EXERCISE OBJECTIVE:
How many lines of these entries hold the string "NOTDEFINED"? Answer with the number alone.

Saved entries
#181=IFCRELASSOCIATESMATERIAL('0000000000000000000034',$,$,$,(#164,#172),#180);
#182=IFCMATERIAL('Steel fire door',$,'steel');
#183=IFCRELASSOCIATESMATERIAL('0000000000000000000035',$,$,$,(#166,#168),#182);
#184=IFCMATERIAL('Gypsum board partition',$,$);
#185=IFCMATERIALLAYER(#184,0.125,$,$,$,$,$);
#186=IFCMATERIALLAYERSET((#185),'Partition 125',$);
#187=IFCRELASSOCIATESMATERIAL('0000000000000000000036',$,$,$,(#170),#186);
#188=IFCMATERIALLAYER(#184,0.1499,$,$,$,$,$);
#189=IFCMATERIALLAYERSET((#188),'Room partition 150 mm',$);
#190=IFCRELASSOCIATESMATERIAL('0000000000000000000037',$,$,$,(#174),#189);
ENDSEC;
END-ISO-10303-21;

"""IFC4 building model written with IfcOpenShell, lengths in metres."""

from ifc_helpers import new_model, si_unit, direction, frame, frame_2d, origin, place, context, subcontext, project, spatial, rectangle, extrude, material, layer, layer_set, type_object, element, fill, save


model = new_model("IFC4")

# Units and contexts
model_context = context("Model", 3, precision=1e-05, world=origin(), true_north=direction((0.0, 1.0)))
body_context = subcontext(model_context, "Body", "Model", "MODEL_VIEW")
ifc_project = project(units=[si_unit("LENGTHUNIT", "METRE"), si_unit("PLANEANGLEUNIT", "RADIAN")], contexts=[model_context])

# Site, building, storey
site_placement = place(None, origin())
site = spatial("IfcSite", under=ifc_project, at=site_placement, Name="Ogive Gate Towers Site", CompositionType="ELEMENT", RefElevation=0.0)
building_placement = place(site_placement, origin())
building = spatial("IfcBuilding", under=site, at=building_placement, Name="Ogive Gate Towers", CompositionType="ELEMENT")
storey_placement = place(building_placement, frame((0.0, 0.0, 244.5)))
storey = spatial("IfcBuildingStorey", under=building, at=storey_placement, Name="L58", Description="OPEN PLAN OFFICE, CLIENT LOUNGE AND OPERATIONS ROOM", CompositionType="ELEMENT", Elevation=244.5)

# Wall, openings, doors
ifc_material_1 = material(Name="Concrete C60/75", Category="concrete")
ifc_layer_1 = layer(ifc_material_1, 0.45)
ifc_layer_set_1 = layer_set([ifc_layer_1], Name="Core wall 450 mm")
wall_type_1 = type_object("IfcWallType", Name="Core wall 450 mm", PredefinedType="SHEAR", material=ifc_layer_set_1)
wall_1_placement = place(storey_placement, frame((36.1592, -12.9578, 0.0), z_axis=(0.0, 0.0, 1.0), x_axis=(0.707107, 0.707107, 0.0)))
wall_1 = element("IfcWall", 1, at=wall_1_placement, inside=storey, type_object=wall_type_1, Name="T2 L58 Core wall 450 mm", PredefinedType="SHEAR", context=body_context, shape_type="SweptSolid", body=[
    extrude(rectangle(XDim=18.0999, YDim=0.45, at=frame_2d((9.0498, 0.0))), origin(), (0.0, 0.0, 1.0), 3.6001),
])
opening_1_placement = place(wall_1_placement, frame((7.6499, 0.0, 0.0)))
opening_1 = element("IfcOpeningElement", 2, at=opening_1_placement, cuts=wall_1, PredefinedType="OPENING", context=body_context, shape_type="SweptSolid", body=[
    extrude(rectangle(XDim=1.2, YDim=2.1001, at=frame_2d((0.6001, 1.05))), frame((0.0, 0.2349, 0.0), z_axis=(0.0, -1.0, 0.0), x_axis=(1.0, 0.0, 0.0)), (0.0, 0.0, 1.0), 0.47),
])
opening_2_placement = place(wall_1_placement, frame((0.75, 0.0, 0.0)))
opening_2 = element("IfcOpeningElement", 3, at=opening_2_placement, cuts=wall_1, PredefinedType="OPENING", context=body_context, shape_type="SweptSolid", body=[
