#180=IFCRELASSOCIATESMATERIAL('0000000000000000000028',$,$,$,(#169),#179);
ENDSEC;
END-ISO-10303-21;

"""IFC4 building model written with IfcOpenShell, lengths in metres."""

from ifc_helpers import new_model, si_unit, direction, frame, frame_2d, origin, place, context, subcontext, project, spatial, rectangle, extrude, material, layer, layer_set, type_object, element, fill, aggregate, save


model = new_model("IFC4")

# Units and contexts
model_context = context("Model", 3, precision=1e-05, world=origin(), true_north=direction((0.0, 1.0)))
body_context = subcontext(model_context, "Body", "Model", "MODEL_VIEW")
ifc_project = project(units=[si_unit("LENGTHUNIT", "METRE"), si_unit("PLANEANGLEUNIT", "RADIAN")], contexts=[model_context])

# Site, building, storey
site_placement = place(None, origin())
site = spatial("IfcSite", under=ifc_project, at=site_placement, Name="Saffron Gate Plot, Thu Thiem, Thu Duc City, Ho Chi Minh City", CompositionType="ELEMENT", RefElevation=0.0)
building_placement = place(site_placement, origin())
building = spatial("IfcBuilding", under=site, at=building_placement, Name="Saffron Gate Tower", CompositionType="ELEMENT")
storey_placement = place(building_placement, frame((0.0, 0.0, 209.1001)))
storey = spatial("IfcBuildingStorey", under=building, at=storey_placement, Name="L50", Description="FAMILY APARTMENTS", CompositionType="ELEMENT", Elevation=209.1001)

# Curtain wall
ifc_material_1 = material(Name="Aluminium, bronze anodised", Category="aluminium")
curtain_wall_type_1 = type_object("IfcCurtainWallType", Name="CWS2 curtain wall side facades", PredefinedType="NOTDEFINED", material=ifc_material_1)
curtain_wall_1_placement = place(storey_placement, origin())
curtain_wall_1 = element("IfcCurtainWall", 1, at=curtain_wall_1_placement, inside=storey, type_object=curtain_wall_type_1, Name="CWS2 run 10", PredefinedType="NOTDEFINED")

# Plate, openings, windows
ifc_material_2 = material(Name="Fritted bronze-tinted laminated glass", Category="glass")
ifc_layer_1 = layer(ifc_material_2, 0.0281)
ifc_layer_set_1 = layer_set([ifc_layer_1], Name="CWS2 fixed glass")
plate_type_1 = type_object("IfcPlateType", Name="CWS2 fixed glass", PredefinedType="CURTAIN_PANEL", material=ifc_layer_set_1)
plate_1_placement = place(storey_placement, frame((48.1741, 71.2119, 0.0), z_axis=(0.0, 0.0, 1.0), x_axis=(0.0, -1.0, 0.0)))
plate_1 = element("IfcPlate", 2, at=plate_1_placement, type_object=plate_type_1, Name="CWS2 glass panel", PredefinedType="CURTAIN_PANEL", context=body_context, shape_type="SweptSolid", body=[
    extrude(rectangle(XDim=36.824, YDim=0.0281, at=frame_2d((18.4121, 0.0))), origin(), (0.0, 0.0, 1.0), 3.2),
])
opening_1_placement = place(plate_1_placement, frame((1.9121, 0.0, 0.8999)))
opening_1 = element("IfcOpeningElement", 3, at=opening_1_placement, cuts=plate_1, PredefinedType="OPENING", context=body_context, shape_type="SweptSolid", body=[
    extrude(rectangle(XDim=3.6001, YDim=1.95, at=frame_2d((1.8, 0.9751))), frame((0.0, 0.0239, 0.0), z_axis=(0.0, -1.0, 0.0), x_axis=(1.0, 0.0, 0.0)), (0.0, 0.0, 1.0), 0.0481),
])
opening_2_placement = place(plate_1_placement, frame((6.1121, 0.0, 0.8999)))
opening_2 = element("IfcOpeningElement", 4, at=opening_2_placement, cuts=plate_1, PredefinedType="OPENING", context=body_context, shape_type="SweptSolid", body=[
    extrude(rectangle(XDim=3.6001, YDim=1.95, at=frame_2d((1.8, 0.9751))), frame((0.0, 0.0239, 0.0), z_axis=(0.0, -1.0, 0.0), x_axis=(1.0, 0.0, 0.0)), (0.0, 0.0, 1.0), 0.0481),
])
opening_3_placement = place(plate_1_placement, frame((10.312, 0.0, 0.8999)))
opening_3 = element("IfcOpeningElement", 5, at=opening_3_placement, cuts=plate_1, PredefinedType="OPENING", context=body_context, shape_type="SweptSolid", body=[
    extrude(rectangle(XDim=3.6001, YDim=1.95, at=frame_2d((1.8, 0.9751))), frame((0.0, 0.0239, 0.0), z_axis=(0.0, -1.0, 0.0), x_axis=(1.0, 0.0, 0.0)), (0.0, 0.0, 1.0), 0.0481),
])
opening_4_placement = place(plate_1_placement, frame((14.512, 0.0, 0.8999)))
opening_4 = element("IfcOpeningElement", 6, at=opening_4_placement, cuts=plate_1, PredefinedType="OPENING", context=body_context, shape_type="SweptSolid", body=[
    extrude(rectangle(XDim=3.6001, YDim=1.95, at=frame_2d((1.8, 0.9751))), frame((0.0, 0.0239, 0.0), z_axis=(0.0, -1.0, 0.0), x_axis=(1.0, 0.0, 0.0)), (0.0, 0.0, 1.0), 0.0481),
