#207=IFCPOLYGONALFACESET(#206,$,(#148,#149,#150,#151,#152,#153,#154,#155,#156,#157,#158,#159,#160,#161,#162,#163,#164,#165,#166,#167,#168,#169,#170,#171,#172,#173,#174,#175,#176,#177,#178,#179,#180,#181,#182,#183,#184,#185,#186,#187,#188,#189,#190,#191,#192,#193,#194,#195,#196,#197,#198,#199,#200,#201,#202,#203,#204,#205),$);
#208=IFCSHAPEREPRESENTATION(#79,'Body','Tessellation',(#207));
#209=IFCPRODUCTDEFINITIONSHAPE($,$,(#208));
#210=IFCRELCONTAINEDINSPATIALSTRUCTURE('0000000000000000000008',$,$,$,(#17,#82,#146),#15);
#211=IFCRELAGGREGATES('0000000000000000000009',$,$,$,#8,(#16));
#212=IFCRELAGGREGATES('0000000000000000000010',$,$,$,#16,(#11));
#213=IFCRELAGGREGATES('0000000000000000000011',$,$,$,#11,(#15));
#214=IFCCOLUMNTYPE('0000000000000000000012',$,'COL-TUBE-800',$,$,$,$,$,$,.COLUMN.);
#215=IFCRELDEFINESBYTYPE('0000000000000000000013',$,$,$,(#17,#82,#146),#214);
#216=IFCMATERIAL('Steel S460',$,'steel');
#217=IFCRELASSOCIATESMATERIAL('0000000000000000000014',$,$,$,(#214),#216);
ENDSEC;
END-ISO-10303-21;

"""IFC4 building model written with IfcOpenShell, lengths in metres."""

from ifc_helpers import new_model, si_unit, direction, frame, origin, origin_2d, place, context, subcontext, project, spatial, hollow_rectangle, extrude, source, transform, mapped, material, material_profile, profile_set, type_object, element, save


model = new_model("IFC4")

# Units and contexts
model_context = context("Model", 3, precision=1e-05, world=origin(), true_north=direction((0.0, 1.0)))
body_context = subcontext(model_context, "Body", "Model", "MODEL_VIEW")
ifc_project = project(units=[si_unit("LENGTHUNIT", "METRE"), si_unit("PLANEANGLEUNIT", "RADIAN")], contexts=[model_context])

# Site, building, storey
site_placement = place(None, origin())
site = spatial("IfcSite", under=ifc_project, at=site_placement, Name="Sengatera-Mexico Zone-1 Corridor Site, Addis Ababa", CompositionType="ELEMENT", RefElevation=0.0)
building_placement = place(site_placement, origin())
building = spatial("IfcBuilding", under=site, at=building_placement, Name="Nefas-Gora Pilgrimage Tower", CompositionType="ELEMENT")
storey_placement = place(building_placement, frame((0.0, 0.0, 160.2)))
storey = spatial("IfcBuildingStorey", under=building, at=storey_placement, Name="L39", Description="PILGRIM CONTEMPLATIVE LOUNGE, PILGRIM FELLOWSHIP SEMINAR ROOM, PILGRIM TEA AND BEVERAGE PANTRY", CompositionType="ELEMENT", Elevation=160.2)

YOUR RESPONSE:
2